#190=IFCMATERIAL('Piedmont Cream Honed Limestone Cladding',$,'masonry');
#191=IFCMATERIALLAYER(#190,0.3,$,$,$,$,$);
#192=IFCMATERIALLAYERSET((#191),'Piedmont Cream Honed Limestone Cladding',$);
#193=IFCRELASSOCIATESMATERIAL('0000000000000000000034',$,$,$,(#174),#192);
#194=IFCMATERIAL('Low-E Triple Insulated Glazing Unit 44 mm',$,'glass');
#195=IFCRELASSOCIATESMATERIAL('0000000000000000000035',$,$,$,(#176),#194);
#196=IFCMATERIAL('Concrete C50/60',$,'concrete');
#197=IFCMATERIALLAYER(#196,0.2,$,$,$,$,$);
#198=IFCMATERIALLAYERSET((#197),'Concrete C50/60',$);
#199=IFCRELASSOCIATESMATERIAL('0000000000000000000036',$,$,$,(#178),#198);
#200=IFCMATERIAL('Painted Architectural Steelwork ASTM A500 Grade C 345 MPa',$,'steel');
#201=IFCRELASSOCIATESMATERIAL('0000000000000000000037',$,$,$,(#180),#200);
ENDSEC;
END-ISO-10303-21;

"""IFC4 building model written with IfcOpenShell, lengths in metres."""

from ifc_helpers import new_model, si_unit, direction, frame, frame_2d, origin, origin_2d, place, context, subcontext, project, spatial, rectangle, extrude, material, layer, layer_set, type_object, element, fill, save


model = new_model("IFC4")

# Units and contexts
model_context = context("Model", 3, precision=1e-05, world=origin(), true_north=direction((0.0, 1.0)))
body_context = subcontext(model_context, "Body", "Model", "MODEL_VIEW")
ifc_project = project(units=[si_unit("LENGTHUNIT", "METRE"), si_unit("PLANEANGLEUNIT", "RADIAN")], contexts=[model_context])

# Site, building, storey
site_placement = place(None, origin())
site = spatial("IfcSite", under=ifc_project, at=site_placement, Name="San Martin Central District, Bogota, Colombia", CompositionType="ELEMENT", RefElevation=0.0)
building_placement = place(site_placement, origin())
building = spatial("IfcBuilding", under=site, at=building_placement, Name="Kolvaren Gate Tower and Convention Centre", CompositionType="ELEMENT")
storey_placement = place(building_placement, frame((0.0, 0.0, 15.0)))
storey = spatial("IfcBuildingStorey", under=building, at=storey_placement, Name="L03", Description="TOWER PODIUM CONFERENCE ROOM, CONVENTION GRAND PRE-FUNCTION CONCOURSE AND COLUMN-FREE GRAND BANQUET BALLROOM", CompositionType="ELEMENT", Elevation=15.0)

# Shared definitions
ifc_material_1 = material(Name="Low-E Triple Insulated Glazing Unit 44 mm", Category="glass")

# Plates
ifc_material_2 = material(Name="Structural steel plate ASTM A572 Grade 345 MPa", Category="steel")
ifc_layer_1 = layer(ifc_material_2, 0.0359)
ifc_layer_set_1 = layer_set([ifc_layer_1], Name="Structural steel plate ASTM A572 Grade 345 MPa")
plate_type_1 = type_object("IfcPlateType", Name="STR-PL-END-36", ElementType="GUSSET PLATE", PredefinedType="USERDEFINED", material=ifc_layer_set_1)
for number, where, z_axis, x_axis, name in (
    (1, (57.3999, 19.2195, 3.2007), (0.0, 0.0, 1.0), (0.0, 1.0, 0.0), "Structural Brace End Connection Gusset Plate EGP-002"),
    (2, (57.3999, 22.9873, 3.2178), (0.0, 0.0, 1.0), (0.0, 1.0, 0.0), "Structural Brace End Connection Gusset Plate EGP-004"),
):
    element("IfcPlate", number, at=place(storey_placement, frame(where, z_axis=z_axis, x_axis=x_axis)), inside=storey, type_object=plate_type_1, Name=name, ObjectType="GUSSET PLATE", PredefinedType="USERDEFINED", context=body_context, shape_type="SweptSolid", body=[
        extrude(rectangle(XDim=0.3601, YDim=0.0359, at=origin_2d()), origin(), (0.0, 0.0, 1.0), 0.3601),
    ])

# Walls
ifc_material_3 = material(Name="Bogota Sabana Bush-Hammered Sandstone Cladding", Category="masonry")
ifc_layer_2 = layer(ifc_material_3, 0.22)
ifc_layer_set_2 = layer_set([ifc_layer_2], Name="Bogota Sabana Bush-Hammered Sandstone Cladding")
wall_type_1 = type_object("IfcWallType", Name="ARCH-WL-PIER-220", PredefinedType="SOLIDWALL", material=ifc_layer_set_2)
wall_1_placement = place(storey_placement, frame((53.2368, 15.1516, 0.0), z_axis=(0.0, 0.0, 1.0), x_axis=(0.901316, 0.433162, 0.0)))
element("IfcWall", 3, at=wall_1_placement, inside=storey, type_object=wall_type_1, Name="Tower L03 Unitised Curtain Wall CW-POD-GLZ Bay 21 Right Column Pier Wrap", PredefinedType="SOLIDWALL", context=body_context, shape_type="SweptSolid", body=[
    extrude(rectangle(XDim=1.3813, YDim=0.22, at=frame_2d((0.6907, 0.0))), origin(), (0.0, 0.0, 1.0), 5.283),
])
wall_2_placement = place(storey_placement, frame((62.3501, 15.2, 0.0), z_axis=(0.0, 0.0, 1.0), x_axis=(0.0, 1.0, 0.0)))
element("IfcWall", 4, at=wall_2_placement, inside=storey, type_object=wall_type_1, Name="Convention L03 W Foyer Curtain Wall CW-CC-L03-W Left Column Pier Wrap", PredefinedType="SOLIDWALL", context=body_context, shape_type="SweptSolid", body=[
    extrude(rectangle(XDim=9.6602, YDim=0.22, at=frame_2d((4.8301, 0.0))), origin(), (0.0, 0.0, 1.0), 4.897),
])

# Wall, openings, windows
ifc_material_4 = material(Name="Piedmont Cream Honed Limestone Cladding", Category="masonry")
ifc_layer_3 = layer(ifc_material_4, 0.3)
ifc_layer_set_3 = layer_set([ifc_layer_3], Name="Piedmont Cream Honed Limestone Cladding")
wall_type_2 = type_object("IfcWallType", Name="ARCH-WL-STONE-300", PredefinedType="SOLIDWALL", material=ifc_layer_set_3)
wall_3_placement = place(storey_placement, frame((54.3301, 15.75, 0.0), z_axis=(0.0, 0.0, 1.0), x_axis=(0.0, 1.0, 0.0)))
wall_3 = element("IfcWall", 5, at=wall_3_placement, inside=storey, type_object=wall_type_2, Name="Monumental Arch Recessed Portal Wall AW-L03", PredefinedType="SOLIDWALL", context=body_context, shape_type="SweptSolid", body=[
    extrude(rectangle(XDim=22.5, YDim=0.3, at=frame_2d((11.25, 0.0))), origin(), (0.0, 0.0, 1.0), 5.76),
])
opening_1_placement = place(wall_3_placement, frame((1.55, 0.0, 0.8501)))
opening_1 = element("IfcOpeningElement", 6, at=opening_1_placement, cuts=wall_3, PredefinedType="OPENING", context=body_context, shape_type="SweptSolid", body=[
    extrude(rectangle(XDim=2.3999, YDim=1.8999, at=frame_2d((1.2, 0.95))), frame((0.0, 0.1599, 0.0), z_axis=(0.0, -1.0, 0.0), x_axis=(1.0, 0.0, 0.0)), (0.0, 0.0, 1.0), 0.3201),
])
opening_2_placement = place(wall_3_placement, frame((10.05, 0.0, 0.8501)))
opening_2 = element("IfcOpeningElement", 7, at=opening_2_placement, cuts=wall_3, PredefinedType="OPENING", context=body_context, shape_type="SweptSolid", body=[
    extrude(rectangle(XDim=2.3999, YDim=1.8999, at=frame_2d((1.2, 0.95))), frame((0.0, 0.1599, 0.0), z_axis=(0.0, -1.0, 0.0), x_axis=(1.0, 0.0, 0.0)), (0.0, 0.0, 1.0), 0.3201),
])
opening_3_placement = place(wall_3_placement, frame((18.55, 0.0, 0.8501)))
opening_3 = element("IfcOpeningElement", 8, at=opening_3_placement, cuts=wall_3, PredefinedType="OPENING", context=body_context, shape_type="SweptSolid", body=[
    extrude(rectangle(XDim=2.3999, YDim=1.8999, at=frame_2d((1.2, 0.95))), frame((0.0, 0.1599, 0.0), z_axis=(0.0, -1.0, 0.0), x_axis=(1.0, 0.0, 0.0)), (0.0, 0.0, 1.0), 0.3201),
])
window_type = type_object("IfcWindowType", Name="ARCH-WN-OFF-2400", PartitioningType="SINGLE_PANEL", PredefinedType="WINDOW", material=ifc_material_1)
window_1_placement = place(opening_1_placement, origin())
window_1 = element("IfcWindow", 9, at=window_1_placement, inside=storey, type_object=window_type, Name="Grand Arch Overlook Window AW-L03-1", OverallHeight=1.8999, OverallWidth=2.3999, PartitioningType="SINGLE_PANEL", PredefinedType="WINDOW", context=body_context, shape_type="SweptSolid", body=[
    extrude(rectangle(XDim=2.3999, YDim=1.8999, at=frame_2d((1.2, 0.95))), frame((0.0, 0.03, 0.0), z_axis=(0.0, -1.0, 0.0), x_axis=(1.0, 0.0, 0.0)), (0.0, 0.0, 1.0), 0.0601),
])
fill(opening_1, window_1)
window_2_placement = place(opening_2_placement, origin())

- _WORK INSTRUCTIONS_:
Reproduce exactly the section above that begins at the line containing "frame((1.55, 0.0, 0.8501)))" and ends at the line containing "Arch Overlook Window", leaving out all other lines.

- _RESULT FOR THIS TASK_:
opening_1_placement = place(wall_3_placement, frame((1.55, 0.0, 0.8501)))
opening_1 = element("IfcOpeningElement", 6, at=opening_1_placement, cuts=wall_3, PredefinedType="OPENING", context=body_context, shape_type="SweptSolid", body=[
    extrude(rectangle(XDim=2.3999, YDim=1.8999, at=frame_2d((1.2, 0.95))), frame((0.0, 0.1599, 0.0), z_axis=(0.0, -1.0, 0.0), x_axis=(1.0, 0.0, 0.0)), (0.0, 0.0, 1.0), 0.3201),
])
opening_2_placement = place(wall_3_placement, frame((10.05, 0.0, 0.8501)))
opening_2 = element("IfcOpeningElement", 7, at=opening_2_placement, cuts=wall_3, PredefinedType="OPENING", context=body_context, shape_type="SweptSolid", body=[
    extrude(rectangle(XDim=2.3999, YDim=1.8999, at=frame_2d((1.2, 0.95))), frame((0.0, 0.1599, 0.0), z_axis=(0.0, -1.0, 0.0), x_axis=(1.0, 0.0, 0.0)), (0.0, 0.0, 1.0), 0.3201),
])
opening_3_placement = place(wall_3_placement, frame((18.55, 0.0, 0.8501)))
opening_3 = element("IfcOpeningElement", 8, at=opening_3_placement, cuts=wall_3, PredefinedType="OPENING", context=body_context, shape_type="SweptSolid", body=[
    extrude(rectangle(XDim=2.3999, YDim=1.8999, at=frame_2d((1.2, 0.95))), frame((0.0, 0.1599, 0.0), z_axis=(0.0, -1.0, 0.0), x_axis=(1.0, 0.0, 0.0)), (0.0, 0.0, 1.0), 0.3201),
])
window_type = type_object("IfcWindowType", Name="ARCH-WN-OFF-2400", PartitioningType="SINGLE_PANEL", PredefinedType="WINDOW", material=ifc_material_1)
window_1_placement = place(opening_1_placement, origin())
window_1 = element("IfcWindow", 9, at=window_1_placement, inside=storey, type_object=window_type, Name="Grand Arch Overlook Window AW-L03-1", OverallHeight=1.8999, OverallWidth=2.3999, PartitioningType="SINGLE_PANEL", PredefinedType="WINDOW", context=body_context, shape_type="SweptSolid", body=[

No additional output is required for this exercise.